Instructions to follow ->
Count up the lines below containing the word "IFCPOLYGONALFACESET", and give the result with no other words.

Saved entries ->
=======

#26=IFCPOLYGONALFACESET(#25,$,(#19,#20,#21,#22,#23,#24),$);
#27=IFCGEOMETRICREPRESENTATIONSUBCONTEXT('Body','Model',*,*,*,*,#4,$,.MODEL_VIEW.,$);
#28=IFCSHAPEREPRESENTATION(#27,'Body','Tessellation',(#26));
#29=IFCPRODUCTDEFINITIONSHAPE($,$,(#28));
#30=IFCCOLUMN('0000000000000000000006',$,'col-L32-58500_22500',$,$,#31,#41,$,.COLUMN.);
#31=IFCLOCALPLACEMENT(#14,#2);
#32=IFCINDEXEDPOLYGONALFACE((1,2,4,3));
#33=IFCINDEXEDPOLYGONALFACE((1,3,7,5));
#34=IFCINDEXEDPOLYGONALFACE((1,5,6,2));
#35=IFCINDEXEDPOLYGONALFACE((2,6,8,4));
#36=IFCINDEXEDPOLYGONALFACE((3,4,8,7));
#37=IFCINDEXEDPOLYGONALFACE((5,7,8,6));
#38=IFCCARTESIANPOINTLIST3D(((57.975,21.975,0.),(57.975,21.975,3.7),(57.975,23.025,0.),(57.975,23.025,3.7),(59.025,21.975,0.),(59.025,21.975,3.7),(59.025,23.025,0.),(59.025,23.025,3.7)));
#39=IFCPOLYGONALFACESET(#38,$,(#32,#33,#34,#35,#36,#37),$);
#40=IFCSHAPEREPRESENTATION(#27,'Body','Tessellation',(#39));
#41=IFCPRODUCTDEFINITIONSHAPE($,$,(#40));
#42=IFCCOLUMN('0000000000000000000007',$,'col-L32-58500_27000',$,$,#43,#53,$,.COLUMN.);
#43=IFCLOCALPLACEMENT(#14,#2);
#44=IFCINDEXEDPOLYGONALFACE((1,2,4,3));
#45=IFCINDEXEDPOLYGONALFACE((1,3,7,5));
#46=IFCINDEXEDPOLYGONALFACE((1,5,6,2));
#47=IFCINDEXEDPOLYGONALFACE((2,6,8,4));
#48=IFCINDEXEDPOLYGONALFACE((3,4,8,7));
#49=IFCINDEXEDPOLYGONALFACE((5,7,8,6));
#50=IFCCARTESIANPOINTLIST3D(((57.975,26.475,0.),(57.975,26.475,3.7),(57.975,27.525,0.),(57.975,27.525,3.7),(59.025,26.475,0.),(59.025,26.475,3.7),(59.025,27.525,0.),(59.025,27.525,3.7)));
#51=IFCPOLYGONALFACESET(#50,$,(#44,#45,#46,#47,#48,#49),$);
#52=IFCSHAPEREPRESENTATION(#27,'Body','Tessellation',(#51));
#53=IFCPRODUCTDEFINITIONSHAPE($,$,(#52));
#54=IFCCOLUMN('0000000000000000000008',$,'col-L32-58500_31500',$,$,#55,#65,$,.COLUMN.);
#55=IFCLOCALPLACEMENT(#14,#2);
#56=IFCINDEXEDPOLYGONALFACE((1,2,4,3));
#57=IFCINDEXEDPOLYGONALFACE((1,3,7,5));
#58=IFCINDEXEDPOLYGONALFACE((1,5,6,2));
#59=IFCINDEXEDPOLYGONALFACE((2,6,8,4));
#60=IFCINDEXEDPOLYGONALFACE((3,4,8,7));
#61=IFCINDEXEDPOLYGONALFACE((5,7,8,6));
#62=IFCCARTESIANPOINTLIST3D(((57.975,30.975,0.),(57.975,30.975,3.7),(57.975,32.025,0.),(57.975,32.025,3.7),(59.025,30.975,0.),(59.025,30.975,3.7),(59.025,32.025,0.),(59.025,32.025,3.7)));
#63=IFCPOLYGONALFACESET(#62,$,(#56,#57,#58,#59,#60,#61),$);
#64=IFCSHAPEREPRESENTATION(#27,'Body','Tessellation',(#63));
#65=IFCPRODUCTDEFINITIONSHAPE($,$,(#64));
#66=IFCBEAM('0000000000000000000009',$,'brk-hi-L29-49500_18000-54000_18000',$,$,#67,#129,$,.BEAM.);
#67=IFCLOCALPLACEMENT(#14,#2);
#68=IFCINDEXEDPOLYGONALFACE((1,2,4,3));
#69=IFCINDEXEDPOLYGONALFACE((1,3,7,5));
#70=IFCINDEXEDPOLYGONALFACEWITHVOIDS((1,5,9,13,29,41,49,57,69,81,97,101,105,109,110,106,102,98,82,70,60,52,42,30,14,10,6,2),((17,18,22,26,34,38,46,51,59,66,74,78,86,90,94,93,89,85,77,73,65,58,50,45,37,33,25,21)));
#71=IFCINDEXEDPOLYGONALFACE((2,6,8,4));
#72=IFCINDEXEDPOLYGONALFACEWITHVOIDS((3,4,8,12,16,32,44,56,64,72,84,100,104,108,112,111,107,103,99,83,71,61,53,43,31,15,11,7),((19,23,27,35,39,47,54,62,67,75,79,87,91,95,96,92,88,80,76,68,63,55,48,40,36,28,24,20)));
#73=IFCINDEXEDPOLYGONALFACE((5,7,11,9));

=======

Reply to the task ->
4